[[ Data for analysis, beginning ]]

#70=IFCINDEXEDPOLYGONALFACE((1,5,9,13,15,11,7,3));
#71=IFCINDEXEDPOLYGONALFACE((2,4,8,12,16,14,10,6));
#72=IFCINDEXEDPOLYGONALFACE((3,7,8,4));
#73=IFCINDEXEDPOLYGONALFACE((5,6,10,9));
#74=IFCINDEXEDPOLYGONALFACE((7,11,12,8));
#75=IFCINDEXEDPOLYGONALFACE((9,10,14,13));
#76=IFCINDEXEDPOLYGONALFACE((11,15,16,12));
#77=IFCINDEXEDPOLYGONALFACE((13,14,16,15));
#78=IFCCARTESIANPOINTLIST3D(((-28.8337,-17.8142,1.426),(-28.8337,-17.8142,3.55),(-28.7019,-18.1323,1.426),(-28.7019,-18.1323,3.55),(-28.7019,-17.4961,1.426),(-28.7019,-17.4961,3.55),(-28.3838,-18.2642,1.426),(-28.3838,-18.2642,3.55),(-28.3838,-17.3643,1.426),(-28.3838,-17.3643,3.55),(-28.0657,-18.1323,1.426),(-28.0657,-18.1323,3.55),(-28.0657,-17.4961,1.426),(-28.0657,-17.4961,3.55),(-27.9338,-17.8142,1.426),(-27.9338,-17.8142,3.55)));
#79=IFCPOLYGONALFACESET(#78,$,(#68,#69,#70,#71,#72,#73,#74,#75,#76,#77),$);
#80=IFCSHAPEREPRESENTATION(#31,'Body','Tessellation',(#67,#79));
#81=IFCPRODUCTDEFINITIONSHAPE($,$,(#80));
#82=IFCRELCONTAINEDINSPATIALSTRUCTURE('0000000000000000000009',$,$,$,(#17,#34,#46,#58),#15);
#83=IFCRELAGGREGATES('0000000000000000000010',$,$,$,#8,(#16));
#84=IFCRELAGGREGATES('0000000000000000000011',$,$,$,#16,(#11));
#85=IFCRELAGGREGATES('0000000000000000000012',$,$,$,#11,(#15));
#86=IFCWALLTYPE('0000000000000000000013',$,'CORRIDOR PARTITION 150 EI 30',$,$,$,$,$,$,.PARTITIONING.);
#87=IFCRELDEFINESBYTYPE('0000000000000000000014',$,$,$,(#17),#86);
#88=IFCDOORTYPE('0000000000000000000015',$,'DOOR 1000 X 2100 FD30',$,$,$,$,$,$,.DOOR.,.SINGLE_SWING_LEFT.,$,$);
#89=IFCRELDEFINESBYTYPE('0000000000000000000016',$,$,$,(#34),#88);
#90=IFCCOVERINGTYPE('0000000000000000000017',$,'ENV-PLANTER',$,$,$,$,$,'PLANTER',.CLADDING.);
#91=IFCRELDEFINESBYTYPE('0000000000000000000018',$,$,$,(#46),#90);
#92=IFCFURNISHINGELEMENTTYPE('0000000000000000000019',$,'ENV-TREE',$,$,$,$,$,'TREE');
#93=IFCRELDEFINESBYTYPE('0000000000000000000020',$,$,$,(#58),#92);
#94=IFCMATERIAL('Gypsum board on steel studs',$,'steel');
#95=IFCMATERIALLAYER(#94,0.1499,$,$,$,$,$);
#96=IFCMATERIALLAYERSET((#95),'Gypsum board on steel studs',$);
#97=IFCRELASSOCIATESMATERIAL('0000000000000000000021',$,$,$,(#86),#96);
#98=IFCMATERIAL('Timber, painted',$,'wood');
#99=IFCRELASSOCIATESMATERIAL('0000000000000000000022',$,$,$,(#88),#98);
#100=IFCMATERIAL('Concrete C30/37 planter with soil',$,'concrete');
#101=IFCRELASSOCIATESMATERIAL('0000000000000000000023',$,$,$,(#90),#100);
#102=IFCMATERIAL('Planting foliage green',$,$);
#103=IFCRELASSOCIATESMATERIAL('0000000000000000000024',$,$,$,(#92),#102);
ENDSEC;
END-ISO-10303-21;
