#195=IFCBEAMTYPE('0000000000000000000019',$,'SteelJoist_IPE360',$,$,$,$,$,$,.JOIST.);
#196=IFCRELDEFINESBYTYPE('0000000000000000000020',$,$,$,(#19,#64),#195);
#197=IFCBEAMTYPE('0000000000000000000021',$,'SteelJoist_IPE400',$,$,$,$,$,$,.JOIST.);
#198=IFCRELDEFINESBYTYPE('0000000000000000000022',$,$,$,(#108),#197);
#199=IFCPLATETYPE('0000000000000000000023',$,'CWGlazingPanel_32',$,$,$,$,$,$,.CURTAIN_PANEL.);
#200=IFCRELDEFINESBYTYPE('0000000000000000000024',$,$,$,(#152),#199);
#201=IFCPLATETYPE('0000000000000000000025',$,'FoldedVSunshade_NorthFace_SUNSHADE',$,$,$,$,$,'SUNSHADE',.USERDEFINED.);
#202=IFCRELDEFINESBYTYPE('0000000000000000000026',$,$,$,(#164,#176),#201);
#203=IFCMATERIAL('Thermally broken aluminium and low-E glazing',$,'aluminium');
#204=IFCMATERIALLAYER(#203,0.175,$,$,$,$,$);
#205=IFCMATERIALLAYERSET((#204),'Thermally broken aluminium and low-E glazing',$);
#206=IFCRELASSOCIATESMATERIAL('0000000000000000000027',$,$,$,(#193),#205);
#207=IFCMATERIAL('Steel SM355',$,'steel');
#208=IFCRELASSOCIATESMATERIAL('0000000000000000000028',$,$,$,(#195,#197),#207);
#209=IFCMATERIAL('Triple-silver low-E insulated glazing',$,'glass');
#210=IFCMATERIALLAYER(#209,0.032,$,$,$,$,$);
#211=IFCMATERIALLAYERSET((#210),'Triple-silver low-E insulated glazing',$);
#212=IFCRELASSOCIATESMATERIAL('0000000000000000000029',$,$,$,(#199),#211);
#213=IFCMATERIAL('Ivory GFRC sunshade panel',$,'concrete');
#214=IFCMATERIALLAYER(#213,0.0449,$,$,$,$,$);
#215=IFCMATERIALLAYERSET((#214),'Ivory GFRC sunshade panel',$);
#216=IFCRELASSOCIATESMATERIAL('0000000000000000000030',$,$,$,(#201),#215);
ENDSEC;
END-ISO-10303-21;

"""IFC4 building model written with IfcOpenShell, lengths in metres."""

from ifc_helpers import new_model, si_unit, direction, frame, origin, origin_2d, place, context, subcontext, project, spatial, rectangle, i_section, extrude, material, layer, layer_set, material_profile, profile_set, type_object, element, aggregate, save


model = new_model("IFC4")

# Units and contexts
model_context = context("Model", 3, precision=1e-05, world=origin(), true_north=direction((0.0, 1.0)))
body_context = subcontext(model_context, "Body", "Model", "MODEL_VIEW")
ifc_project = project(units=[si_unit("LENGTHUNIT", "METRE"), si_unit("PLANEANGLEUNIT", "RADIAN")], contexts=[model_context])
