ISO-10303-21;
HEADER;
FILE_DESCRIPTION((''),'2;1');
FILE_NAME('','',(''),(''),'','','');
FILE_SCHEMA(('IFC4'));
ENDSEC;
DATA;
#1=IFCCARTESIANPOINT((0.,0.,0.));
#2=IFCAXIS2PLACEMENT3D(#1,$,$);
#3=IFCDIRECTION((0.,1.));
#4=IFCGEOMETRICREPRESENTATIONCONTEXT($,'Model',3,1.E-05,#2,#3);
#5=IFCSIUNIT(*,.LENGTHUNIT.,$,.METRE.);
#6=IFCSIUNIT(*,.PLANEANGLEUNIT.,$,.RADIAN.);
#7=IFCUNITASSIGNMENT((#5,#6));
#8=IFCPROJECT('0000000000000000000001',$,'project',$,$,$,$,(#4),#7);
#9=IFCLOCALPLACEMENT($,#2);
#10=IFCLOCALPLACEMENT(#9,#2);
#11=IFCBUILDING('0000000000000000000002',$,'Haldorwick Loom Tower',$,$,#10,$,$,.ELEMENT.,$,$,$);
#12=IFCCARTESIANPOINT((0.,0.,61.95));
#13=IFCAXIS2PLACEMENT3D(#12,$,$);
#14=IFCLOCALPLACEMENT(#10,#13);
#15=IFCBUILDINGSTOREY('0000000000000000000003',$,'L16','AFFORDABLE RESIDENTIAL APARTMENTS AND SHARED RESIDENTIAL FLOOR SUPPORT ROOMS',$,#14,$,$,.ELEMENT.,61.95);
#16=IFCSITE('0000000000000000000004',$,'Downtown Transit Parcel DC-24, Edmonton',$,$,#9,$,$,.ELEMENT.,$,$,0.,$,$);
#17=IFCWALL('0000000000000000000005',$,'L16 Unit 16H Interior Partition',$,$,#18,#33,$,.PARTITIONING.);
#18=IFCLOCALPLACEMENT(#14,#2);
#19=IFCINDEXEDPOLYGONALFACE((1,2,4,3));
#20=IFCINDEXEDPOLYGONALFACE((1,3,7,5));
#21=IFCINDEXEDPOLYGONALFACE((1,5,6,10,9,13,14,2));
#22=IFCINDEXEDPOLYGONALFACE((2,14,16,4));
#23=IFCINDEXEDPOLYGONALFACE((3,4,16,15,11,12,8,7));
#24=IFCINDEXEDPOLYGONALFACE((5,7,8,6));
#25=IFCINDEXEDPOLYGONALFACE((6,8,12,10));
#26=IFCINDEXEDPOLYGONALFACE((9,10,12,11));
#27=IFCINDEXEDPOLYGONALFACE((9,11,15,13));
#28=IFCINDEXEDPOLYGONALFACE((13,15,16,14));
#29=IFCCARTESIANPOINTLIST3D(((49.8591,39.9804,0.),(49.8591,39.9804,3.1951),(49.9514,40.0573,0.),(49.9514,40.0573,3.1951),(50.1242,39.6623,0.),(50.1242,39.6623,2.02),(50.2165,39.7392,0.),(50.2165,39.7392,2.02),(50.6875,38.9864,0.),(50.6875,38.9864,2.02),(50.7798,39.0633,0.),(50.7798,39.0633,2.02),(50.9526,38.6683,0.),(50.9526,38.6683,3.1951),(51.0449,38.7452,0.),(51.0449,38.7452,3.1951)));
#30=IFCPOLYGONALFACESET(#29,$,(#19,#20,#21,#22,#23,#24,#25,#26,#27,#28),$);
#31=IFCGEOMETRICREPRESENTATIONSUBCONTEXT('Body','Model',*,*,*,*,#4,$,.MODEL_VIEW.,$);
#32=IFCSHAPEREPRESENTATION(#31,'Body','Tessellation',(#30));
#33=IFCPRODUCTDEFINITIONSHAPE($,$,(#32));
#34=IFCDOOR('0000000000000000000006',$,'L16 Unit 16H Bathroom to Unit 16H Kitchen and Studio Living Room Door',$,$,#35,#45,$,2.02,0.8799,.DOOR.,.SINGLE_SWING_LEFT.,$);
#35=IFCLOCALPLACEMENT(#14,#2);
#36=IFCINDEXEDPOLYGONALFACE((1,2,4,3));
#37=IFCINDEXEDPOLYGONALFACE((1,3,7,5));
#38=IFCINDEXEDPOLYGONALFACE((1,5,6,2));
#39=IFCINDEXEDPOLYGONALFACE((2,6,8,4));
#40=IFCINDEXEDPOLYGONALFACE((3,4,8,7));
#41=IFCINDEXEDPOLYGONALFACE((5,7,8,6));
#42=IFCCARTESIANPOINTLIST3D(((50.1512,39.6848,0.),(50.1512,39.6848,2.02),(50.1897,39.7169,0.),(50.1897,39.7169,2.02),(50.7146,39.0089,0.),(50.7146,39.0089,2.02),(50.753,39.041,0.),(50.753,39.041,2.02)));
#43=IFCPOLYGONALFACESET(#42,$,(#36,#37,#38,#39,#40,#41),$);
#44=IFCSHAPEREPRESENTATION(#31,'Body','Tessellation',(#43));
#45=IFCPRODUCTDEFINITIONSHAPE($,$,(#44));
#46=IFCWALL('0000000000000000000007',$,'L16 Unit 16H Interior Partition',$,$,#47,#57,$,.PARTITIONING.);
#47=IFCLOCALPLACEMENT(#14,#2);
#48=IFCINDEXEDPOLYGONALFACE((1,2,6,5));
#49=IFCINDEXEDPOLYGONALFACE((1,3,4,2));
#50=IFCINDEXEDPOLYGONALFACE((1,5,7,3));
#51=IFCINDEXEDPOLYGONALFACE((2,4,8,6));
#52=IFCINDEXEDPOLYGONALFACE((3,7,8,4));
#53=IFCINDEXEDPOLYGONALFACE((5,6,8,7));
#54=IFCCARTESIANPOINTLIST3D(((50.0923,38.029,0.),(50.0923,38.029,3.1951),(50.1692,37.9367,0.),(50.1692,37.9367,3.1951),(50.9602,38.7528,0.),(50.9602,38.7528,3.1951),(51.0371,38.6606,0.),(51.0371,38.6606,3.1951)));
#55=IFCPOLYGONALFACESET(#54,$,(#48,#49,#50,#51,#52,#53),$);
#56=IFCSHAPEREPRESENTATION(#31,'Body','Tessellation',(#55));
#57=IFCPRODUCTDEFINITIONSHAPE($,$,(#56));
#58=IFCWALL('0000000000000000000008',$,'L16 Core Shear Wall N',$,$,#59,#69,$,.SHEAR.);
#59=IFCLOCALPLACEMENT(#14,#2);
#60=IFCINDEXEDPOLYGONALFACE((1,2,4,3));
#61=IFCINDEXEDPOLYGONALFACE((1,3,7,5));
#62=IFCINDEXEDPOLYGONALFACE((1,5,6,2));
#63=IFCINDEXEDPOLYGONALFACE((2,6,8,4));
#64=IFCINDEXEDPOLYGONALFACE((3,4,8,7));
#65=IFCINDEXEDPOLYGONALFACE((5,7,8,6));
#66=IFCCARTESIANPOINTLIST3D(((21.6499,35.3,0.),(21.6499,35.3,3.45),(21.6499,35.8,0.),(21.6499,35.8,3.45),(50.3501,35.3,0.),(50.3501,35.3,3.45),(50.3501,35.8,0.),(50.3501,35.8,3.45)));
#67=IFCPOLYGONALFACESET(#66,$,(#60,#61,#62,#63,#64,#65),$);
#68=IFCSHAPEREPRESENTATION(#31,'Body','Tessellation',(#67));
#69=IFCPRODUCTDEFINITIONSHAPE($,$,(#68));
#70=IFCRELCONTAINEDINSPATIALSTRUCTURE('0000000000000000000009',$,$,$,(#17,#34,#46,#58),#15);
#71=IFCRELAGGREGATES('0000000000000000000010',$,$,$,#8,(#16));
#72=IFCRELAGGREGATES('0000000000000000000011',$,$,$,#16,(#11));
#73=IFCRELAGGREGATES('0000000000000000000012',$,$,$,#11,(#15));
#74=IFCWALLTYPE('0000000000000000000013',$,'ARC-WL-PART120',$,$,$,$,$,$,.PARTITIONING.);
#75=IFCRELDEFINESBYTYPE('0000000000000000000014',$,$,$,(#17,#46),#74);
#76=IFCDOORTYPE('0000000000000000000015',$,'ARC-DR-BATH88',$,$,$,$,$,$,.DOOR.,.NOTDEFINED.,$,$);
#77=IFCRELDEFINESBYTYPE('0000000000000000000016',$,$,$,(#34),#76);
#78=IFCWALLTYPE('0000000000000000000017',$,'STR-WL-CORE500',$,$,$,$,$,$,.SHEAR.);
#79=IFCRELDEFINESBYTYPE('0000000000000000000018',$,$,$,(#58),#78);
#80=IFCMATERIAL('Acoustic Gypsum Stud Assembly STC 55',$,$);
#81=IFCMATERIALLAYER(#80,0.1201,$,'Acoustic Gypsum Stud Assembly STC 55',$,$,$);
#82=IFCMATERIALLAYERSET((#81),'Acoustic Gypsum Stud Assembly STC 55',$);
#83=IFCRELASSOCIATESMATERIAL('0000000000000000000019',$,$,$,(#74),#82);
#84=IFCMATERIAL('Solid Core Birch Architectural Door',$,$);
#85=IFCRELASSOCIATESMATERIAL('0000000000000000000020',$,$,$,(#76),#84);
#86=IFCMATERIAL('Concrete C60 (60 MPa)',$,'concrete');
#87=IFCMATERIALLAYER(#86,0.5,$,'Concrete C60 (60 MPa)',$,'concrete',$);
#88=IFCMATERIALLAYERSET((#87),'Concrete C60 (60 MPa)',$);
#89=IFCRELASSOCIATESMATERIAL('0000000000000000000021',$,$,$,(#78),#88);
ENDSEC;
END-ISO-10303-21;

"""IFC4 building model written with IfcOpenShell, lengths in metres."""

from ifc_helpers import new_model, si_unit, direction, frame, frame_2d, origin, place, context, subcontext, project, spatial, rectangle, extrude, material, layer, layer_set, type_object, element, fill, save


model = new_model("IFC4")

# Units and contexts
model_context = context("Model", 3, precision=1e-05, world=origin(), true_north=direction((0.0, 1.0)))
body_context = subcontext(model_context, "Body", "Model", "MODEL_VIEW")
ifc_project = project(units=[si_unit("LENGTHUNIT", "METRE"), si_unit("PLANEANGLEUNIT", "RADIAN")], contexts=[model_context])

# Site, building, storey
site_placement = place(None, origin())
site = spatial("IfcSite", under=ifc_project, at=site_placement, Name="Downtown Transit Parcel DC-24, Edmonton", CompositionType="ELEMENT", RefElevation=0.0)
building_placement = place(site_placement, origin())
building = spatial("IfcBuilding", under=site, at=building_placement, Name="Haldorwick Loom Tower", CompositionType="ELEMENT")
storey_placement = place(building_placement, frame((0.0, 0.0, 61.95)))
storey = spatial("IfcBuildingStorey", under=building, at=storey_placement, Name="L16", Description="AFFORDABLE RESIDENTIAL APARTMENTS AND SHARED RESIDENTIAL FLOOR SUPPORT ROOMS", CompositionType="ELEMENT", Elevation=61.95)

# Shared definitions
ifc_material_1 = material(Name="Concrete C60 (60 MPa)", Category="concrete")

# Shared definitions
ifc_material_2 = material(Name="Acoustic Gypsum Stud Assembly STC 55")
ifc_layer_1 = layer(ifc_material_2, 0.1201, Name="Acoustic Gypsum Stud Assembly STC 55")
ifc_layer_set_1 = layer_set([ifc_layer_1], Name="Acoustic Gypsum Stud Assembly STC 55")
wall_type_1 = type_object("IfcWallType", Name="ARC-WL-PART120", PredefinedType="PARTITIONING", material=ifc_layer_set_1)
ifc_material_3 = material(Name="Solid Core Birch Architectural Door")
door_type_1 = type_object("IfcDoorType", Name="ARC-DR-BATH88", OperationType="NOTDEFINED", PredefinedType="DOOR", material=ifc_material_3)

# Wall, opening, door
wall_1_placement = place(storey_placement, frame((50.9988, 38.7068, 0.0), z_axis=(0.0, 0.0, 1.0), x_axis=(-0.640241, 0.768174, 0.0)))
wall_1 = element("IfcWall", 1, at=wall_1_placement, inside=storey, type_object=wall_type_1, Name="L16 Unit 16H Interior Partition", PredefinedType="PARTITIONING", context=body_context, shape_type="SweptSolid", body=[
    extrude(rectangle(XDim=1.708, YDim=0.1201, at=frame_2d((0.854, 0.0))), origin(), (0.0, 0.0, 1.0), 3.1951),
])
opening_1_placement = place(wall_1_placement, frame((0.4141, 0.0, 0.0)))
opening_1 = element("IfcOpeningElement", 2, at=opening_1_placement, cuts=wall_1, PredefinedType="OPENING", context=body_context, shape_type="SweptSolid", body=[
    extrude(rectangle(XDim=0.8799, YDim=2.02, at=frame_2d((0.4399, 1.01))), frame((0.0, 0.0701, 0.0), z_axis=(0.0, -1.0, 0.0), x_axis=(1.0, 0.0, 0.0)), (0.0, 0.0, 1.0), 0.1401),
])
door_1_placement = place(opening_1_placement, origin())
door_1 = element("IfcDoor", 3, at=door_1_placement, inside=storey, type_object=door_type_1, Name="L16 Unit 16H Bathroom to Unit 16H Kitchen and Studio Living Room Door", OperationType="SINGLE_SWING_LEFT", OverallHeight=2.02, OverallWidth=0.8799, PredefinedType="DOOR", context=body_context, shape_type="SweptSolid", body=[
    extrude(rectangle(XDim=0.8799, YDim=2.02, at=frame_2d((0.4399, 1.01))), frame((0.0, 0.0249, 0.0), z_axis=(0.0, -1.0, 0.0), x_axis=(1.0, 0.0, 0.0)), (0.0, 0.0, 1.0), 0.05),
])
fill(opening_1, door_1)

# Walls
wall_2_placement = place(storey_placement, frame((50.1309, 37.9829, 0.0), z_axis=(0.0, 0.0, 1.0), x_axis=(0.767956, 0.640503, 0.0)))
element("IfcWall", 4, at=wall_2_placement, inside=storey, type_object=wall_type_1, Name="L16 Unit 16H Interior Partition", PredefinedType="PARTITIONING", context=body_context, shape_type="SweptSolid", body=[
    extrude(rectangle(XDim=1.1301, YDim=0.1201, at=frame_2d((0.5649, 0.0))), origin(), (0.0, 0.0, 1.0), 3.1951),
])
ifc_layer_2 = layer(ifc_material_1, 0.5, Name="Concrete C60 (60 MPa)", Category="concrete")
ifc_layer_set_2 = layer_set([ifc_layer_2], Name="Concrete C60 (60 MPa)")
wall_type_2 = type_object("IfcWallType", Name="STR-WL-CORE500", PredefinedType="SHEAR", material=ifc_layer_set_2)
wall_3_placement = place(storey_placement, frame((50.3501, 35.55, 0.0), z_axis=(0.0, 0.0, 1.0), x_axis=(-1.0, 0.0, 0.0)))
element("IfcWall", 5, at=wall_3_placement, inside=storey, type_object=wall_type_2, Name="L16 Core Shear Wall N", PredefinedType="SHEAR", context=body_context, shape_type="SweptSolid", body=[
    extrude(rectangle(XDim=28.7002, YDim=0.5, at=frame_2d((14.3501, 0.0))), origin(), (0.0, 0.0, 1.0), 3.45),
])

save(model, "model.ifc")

[[ Data for analysis, end ]]

Please state how many lines in the data contain the word "IFCRELCONTAINEDINSPATIALSTRUCTURE", giving only that number.

2